◆ **What is needed**:
The listing that follows is to be repeated exactly.

◆ **Provided records**:
*** Begin section ***

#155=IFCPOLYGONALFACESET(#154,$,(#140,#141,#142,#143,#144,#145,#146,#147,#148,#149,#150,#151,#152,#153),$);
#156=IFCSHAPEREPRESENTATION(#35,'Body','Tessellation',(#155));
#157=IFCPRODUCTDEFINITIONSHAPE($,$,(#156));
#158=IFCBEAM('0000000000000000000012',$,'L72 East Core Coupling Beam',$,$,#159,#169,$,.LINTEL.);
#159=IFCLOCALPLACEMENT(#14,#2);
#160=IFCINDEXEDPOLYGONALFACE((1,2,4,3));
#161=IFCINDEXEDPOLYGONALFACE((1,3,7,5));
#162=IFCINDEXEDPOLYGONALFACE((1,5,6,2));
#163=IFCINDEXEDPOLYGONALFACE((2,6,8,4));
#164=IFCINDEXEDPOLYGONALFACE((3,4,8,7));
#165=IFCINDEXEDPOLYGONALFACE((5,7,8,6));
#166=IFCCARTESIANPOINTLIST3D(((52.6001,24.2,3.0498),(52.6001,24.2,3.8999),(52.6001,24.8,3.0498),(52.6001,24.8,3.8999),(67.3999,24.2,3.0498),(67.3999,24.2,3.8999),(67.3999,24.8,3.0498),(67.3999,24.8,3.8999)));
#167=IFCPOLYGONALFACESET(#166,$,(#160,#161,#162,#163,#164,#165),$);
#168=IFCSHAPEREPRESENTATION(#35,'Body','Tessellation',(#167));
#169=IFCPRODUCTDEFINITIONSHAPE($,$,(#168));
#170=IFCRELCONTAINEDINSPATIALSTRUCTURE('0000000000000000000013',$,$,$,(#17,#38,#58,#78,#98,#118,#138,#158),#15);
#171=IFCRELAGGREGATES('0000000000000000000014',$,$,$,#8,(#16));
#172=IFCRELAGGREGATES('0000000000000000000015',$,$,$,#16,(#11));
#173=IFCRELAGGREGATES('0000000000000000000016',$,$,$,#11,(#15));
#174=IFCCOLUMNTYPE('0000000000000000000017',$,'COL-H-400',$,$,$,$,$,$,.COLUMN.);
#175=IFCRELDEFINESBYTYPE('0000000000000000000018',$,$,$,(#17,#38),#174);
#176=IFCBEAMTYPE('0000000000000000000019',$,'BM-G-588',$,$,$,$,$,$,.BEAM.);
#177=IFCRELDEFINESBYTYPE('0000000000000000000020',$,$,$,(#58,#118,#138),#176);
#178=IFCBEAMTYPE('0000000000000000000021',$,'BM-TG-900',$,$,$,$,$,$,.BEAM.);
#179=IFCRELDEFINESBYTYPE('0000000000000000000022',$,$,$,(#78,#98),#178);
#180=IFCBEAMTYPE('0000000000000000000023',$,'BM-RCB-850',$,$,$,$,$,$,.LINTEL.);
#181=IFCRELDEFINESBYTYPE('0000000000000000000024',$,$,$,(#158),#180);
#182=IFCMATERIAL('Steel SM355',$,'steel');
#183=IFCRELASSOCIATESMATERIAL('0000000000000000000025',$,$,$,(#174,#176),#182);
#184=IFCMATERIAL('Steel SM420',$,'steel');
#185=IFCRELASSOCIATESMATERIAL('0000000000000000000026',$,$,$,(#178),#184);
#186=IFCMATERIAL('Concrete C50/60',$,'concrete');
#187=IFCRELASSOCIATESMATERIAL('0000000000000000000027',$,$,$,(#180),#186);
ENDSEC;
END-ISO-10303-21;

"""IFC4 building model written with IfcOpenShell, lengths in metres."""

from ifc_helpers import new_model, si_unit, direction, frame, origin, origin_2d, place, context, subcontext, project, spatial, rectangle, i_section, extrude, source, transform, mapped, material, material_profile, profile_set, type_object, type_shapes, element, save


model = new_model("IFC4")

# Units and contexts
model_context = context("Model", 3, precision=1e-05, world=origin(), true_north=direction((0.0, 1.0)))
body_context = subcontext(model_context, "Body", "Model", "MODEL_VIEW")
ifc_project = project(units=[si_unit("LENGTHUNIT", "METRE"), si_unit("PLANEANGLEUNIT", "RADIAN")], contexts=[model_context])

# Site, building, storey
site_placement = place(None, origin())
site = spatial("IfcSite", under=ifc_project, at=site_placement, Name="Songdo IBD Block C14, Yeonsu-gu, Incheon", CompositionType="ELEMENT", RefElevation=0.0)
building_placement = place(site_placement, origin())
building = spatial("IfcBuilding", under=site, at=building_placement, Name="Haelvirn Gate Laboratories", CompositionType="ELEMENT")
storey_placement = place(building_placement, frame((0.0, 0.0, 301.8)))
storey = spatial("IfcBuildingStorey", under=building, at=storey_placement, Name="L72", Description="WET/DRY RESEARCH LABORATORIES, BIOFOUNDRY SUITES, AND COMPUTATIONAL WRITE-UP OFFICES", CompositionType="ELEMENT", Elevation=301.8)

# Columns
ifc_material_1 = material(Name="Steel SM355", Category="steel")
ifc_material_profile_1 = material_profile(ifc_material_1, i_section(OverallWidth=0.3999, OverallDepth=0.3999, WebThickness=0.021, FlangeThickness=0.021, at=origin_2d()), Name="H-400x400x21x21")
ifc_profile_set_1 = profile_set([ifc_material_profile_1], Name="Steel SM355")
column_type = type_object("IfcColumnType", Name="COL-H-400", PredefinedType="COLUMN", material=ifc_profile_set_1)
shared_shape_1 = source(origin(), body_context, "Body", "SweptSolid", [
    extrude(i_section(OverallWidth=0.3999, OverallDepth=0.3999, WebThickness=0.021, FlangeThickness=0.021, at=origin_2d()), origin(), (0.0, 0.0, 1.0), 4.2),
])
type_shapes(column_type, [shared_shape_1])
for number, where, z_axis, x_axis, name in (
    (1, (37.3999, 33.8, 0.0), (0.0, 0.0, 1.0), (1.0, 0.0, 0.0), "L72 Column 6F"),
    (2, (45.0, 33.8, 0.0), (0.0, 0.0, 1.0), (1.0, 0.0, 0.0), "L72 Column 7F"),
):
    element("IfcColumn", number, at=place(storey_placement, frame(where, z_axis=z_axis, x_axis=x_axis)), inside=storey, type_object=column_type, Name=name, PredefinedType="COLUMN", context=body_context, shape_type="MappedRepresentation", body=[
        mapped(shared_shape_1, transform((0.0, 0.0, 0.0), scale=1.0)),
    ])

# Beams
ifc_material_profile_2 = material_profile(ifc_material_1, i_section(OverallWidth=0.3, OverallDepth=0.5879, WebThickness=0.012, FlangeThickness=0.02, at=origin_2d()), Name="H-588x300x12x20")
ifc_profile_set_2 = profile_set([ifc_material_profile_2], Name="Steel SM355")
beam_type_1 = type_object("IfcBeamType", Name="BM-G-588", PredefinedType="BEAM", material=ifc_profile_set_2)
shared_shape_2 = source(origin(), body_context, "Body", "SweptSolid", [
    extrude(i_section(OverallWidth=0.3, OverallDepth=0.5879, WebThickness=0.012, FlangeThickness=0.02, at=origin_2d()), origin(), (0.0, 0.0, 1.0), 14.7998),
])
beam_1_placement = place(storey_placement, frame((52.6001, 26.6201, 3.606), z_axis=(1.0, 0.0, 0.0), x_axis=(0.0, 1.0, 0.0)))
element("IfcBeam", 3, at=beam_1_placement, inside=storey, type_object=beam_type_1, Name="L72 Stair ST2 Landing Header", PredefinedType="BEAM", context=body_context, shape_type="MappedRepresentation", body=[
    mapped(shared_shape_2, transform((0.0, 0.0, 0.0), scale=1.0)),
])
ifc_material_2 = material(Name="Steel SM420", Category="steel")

*** End section ***

◆ **Result for this exercise**:
#155=IFCPOLYGONALFACESET(#154,$,(#140,#141,#142,#143,#144,#145,#146,#147,#148,#149,#150,#151,#152,#153),$);
#156=IFCSHAPEREPRESENTATION(#35,'Body','Tessellation',(#155));
#157=IFCPRODUCTDEFINITIONSHAPE($,$,(#156));
#158=IFCBEAM('0000000000000000000012',$,'L72 East Core Coupling Beam',$,$,#159,#169,$,.LINTEL.);
#159=IFCLOCALPLACEMENT(#14,#2);
#160=IFCINDEXEDPOLYGONALFACE((1,2,4,3));
#161=IFCINDEXEDPOLYGONALFACE((1,3,7,5));
#162=IFCINDEXEDPOLYGONALFACE((1,5,6,2));
#163=IFCINDEXEDPOLYGONALFACE((2,6,8,4));
#164=IFCINDEXEDPOLYGONALFACE((3,4,8,7));
#165=IFCINDEXEDPOLYGONALFACE((5,7,8,6));
#166=IFCCARTESIANPOINTLIST3D(((52.6001,24.2,3.0498),(52.6001,24.2,3.8999),(52.6001,24.8,3.0498),(52.6001,24.8,3.8999),(67.3999,24.2,3.0498),(67.3999,24.2,3.8999),(67.3999,24.8,3.0498),(67.3999,24.8,3.8999)));
#167=IFCPOLYGONALFACESET(#166,$,(#160,#161,#162,#163,#164,#165),$);
#168=IFCSHAPEREPRESENTATION(#35,'Body','Tessellation',(#167));
#169=IFCPRODUCTDEFINITIONSHAPE($,$,(#168));
#170=IFCRELCONTAINEDINSPATIALSTRUCTURE('0000000000000000000013',$,$,$,(#17,#38,#58,#78,#98,#118,#138,#158),#15);
#171=IFCRELAGGREGATES('0000000000000000000014',$,$,$,#8,(#16));
#172=IFCRELAGGREGATES('0000000000000000000015',$,$,$,#16,(#11));
#173=IFCRELAGGREGATES('0000000000000000000016',$,$,$,#11,(#15));
#174=IFCCOLUMNTYPE('0000000000000000000017',$,'COL-H-400',$,$,$,$,$,$,.COLUMN.);
#175=IFCRELDEFINESBYTYPE('0000000000000000000018',$,$,$,(#17,#38),#174);
#176=IFCBEAMTYPE('0000000000000000000019',$,'BM-G-588',$,$,$,$,$,$,.BEAM.);
#177=IFCRELDEFINESBYTYPE('0000000000000000000020',$,$,$,(#58,#118,#138),#176);
#178=IFCBEAMTYPE('0000000000000000000021',$,'BM-TG-900',$,$,$,$,$,$,.BEAM.);
#179=IFCRELDEFINESBYTYPE('0000000000000000000022',$,$,$,(#78,#98),#178);
#180=IFCBEAMTYPE('0000000000000000000023',$,'BM-RCB-850',$,$,$,$,$,$,.LINTEL.);
#181=IFCRELDEFINESBYTYPE('0000000000000000000024',$,$,$,(#158),#180);
#182=IFCMATERIAL('Steel SM355',$,'steel');
#183=IFCRELASSOCIATESMATERIAL('0000000000000000000025',$,$,$,(#174,#176),#182);
#184=IFCMATERIAL('Steel SM420',$,'steel');
#185=IFCRELASSOCIATESMATERIAL('0000000000000000000026',$,$,$,(#178),#184);
#186=IFCMATERIAL('Concrete C50/60',$,'concrete');
#187=IFCRELASSOCIATESMATERIAL('0000000000000000000027',$,$,$,(#180),#186);
ENDSEC;
END-ISO-10303-21;

"""IFC4 building model written with IfcOpenShell, lengths in metres."""

from ifc_helpers import new_model, si_unit, direction, frame, origin, origin_2d, place, context, subcontext, project, spatial, rectangle, i_section, extrude, source, transform, mapped, material, material_profile, profile_set, type_object, type_shapes, element, save


model = new_model("IFC4")

# Units and contexts
model_context = context("Model", 3, precision=1e-05, world=origin(), true_north=direction((0.0, 1.0)))
body_context = subcontext(model_context, "Body", "Model", "MODEL_VIEW")
ifc_project = project(units=[si_unit("LENGTHUNIT", "METRE"), si_unit("PLANEANGLEUNIT", "RADIAN")], contexts=[model_context])

# Site, building, storey
site_placement = place(None, origin())
site = spatial("IfcSite", under=ifc_project, at=site_placement, Name="Songdo IBD Block C14, Yeonsu-gu, Incheon", CompositionType="ELEMENT", RefElevation=0.0)
building_placement = place(site_placement, origin())
building = spatial("IfcBuilding", under=site, at=building_placement, Name="Haelvirn Gate Laboratories", CompositionType="ELEMENT")
storey_placement = place(building_placement, frame((0.0, 0.0, 301.8)))
storey = spatial("IfcBuildingStorey", under=building, at=storey_placement, Name="L72", Description="WET/DRY RESEARCH LABORATORIES, BIOFOUNDRY SUITES, AND COMPUTATIONAL WRITE-UP OFFICES", CompositionType="ELEMENT", Elevation=301.8)

# Columns
ifc_material_1 = material(Name="Steel SM355", Category="steel")
ifc_material_profile_1 = material_profile(ifc_material_1, i_section(OverallWidth=0.3999, OverallDepth=0.3999, WebThickness=0.021, FlangeThickness=0.021, at=origin_2d()), Name="H-400x400x21x21")
ifc_profile_set_1 = profile_set([ifc_material_profile_1], Name="Steel SM355")
column_type = type_object("IfcColumnType", Name="COL-H-400", PredefinedType="COLUMN", material=ifc_profile_set_1)
shared_shape_1 = source(origin(), body_context, "Body", "SweptSolid", [
    extrude(i_section(OverallWidth=0.3999, OverallDepth=0.3999, WebThickness=0.021, FlangeThickness=0.021, at=origin_2d()), origin(), (0.0, 0.0, 1.0), 4.2),
])
type_shapes(column_type, [shared_shape_1])
for number, where, z_axis, x_axis, name in (
    (1, (37.3999, 33.8, 0.0), (0.0, 0.0, 1.0), (1.0, 0.0, 0.0), "L72 Column 6F"),
    (2, (45.0, 33.8, 0.0), (0.0, 0.0, 1.0), (1.0, 0.0, 0.0), "L72 Column 7F"),
):
    element("IfcColumn", number, at=place(storey_placement, frame(where, z_axis=z_axis, x_axis=x_axis)), inside=storey, type_object=column_type, Name=name, PredefinedType="COLUMN", context=body_context, shape_type="MappedRepresentation", body=[
        mapped(shared_shape_1, transform((0.0, 0.0, 0.0), scale=1.0)),
    ])

# Beams
ifc_material_profile_2 = material_profile(ifc_material_1, i_section(OverallWidth=0.3, OverallDepth=0.5879, WebThickness=0.012, FlangeThickness=0.02, at=origin_2d()), Name="H-588x300x12x20")
ifc_profile_set_2 = profile_set([ifc_material_profile_2], Name="Steel SM355")
beam_type_1 = type_object("IfcBeamType", Name="BM-G-588", PredefinedType="BEAM", material=ifc_profile_set_2)
shared_shape_2 = source(origin(), body_context, "Body", "SweptSolid", [
    extrude(i_section(OverallWidth=0.3, OverallDepth=0.5879, WebThickness=0.012, FlangeThickness=0.02, at=origin_2d()), origin(), (0.0, 0.0, 1.0), 14.7998),
])
beam_1_placement = place(storey_placement, frame((52.6001, 26.6201, 3.606), z_axis=(1.0, 0.0, 0.0), x_axis=(0.0, 1.0, 0.0)))
element("IfcBeam", 3, at=beam_1_placement, inside=storey, type_object=beam_type_1, Name="L72 Stair ST2 Landing Header", PredefinedType="BEAM", context=body_context, shape_type="MappedRepresentation", body=[
    mapped(shared_shape_2, transform((0.0, 0.0, 0.0), scale=1.0)),
])
ifc_material_2 = material(Name="Steel SM420", Category="steel")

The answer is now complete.